* [What to produce]: Working from the records below, repeat exactly the lines starting at the line that contains "#78=IFCINDEXEDPOLYGONALFACE((13,17,18,14));" and ending at the line that contains "#82=IFCINDEXEDPOLYGONALFACE((21,25,26,22));", inclusive.

------------

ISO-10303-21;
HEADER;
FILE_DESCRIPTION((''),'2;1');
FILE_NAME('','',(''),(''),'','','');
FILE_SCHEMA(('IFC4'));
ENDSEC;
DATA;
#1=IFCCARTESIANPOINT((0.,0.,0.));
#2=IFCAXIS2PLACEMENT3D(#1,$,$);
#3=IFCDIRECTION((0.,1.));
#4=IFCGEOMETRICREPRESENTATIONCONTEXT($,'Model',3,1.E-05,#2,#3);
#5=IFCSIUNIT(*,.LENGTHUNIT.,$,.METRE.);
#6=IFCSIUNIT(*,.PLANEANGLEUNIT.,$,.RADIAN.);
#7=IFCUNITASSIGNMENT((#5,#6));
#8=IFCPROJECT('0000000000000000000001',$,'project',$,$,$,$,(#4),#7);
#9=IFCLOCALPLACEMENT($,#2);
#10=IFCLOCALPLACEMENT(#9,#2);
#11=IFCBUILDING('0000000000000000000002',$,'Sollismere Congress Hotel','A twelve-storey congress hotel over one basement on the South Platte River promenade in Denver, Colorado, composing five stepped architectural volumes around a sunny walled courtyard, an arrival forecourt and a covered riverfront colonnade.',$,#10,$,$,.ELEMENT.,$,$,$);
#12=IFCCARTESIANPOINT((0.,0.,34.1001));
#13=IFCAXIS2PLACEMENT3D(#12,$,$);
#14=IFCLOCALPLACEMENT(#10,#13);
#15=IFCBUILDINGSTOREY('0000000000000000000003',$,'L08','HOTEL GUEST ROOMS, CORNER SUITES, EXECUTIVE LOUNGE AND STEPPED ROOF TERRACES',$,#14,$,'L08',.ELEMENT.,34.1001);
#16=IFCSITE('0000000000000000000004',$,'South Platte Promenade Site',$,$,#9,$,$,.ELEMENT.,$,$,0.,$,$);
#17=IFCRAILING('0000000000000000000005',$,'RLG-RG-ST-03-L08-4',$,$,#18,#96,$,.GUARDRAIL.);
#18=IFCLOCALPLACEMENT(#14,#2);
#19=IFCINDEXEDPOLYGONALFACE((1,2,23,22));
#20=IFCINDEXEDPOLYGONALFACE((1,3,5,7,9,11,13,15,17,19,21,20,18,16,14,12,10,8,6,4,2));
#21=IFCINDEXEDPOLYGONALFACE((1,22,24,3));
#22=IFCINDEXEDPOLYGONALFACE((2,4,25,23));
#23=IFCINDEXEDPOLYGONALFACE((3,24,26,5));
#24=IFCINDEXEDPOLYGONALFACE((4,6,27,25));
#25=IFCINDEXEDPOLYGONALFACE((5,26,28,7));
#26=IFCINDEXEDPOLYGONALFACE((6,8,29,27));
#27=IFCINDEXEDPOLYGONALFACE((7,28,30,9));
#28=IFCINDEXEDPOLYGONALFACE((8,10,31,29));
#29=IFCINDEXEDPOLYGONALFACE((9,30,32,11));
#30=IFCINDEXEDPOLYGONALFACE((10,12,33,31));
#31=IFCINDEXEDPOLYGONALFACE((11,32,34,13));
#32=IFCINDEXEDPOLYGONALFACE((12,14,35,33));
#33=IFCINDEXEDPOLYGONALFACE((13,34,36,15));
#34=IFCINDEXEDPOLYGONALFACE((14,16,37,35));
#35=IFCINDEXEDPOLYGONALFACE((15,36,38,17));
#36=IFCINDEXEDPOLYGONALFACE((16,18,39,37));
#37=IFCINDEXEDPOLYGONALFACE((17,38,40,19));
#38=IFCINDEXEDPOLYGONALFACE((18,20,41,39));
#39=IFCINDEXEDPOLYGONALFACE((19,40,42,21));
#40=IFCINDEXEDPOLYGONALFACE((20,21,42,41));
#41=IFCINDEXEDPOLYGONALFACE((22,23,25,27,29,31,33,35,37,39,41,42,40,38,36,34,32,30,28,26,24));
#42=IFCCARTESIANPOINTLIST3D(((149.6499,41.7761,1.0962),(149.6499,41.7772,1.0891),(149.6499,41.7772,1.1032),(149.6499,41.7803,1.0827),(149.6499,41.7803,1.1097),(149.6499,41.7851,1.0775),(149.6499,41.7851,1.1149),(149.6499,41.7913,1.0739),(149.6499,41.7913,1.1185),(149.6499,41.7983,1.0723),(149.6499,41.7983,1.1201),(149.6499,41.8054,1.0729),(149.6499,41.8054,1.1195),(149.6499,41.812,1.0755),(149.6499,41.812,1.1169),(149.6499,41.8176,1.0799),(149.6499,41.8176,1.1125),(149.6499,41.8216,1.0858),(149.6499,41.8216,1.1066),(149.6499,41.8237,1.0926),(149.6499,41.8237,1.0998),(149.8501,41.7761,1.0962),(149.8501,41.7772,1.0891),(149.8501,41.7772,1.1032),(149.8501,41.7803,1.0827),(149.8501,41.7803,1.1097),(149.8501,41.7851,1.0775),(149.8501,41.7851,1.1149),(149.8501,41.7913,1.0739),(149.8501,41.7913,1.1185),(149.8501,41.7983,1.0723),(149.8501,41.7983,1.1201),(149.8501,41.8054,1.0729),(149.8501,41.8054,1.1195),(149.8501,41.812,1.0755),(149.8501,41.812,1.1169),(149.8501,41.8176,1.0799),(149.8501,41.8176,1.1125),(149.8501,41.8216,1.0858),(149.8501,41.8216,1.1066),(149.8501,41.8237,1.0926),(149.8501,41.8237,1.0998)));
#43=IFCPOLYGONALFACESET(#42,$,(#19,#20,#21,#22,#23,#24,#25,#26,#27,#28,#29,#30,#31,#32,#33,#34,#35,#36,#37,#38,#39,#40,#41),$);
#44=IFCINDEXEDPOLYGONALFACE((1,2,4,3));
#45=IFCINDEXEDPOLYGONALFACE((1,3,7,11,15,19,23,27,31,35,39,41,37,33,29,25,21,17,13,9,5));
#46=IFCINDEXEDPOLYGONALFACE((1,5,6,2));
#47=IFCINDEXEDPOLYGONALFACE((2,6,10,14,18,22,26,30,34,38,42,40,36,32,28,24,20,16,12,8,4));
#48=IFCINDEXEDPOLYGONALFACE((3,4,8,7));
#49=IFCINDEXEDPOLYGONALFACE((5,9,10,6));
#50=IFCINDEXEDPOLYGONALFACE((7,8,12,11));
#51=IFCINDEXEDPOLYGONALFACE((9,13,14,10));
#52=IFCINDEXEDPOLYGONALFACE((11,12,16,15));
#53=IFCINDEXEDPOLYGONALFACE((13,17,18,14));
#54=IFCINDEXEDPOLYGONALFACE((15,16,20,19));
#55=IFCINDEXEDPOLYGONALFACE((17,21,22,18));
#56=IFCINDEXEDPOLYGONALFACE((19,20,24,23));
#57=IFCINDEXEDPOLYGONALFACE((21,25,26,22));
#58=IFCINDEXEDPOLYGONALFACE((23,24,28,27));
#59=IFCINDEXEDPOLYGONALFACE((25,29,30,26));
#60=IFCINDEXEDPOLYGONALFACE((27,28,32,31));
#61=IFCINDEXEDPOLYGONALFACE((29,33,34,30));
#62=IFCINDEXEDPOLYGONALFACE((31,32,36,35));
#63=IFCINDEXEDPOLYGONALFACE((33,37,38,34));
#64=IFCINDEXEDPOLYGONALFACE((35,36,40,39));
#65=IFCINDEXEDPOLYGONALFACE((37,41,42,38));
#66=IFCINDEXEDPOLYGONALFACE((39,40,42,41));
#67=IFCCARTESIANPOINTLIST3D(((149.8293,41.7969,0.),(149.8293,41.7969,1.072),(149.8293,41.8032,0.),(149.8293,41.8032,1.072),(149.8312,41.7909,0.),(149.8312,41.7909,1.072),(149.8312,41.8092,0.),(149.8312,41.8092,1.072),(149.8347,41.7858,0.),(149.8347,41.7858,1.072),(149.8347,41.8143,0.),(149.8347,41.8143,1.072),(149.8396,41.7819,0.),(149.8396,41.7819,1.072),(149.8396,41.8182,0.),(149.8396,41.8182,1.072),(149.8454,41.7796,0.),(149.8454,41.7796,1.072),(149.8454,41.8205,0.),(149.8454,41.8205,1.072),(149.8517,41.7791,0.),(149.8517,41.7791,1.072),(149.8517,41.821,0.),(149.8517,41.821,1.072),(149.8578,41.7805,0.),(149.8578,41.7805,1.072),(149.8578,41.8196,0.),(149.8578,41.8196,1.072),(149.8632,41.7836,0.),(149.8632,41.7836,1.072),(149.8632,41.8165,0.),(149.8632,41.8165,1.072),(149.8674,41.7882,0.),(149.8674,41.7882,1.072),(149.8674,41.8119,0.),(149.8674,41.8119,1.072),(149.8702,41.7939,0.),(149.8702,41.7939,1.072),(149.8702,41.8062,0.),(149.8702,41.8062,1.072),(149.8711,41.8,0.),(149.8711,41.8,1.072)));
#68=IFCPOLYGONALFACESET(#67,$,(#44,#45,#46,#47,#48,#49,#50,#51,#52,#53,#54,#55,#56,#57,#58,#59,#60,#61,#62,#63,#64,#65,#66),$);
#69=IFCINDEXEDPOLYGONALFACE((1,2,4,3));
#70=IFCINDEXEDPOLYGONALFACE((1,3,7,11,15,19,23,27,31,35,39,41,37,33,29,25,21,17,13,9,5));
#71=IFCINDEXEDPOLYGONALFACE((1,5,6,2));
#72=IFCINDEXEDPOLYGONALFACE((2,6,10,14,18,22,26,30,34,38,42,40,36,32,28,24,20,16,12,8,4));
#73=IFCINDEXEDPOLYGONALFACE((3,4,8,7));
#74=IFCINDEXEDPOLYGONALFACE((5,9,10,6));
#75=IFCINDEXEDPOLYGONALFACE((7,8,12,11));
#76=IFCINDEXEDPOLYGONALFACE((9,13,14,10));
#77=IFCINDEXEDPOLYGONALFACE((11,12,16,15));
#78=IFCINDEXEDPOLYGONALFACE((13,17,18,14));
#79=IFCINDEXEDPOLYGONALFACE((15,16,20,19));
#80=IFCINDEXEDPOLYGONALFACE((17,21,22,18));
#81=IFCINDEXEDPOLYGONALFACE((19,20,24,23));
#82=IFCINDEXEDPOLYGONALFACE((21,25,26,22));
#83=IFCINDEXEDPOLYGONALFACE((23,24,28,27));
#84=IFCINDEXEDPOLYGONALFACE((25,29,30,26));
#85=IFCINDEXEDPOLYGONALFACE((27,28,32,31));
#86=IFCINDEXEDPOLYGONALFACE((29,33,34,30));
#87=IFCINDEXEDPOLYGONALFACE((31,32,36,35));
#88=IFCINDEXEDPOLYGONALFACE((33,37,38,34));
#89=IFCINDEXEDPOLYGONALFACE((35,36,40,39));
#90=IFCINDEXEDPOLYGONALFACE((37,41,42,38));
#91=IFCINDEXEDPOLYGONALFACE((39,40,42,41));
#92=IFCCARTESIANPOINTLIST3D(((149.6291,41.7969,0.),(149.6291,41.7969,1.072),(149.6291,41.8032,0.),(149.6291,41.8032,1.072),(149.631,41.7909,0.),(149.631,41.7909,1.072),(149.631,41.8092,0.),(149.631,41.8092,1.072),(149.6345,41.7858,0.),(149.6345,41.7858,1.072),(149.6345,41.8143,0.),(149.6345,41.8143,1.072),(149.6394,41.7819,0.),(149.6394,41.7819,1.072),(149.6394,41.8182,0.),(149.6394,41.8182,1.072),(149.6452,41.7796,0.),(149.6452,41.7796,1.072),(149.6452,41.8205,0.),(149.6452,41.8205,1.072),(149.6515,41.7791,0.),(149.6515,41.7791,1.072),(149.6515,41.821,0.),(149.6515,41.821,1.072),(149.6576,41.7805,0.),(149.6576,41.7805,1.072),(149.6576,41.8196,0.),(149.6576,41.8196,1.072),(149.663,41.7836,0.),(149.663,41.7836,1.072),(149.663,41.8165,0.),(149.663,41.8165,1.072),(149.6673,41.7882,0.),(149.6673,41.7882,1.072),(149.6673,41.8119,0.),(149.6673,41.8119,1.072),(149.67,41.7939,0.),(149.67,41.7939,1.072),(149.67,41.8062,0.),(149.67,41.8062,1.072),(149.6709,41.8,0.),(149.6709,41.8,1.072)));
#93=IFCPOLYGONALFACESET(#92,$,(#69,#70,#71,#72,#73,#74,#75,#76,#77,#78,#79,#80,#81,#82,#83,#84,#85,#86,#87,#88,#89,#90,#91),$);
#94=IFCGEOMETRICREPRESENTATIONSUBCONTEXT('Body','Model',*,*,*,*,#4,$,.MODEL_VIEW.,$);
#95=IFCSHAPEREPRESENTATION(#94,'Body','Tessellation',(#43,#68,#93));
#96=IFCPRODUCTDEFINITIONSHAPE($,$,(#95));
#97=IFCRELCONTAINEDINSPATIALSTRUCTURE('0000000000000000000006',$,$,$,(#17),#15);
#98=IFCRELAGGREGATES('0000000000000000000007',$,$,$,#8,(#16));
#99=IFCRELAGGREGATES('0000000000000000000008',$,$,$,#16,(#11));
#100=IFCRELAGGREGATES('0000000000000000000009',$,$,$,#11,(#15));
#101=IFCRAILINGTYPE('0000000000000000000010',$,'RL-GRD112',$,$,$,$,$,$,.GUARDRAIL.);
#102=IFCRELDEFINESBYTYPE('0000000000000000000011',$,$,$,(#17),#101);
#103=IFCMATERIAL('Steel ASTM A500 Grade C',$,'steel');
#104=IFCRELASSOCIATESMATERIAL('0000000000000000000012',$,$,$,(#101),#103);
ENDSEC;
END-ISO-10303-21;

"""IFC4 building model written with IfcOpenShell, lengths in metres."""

from ifc_helpers import new_model, si_unit, direction, frame, origin, origin_2d, place, context, subcontext, project, spatial, circle, extrude, material, type_object, element, save


model = new_model("IFC4")

# Units and contexts
model_context = context("Model", 3, precision=1e-05, world=origin(), true_north=direction((0.0, 1.0)))
body_context = subcontext(model_context, "Body", "Model", "MODEL_VIEW")
ifc_project = project(units=[si_unit("LENGTHUNIT", "METRE"), si_unit("PLANEANGLEUNIT", "RADIAN")], contexts=[model_context])

# Site, building, storey
site_placement = place(None, origin())
site = spatial("IfcSite", under=ifc_project, at=site_placement, Name="South Platte Promenade Site", CompositionType="ELEMENT", RefElevation=0.0)
building_placement = place(site_placement, origin())
building = spatial("IfcBuilding", under=site, at=building_placement, Name="Sollismere Congress Hotel", Description="A twelve-storey congress hotel over one basement on the South Platte River promenade in Denver, Colorado, composing five stepped architectural volumes around a sunny walled courtyard, an arrival forecourt and a covered riverfront colonnade.", CompositionType="ELEMENT")
storey_placement = place(building_placement, frame((0.0, 0.0, 34.1001)))
storey = spatial("IfcBuildingStorey", under=building, at=storey_placement, Name="L08", Description="HOTEL GUEST ROOMS, CORNER SUITES, EXECUTIVE LOUNGE AND STEPPED ROOF TERRACES", LongName="L08", CompositionType="ELEMENT", Elevation=34.1001)

# Railing
ifc_material_1 = material(Name="Steel ASTM A500 Grade C", Category="steel")
railing_type_1 = type_object("IfcRailingType", Name="RL-GRD112", PredefinedType="GUARDRAIL", material=ifc_material_1)
railing_1_placement = place(storey_placement, frame((149.8501, 41.8, 0.0)))
element("IfcRailing", 1, at=railing_1_placement, inside=storey, type_object=railing_type_1, Name="RLG-RG-ST-03-L08-4", PredefinedType="GUARDRAIL", context=body_context, shape_type="SweptSolid", body=[
    extrude(circle(Radius=0.0239, at=origin_2d()), frame((0.0, 0.0, 1.0962), z_axis=(-1.0, 0.0, 0.0), x_axis=(0.0, -1.0, 0.0)), (0.0, 0.0, 1.0), 0.2002),
    extrude(circle(Radius=0.021, at=origin_2d()), origin(), (0.0, 0.0, 1.0), 1.072),
    extrude(circle(Radius=0.021, at=origin_2d()), frame((-0.2002, 0.0, 0.0)), (0.0, 0.0, 1.0), 1.072),
])

save(model, "model.ifc")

------------

* [Finished task]:
#78=IFCINDEXEDPOLYGONALFACE((13,17,18,14));
#79=IFCINDEXEDPOLYGONALFACE((15,16,20,19));
#80=IFCINDEXEDPOLYGONALFACE((17,21,22,18));
#81=IFCINDEXEDPOLYGONALFACE((19,20,24,23));
#82=IFCINDEXEDPOLYGONALFACE((21,25,26,22));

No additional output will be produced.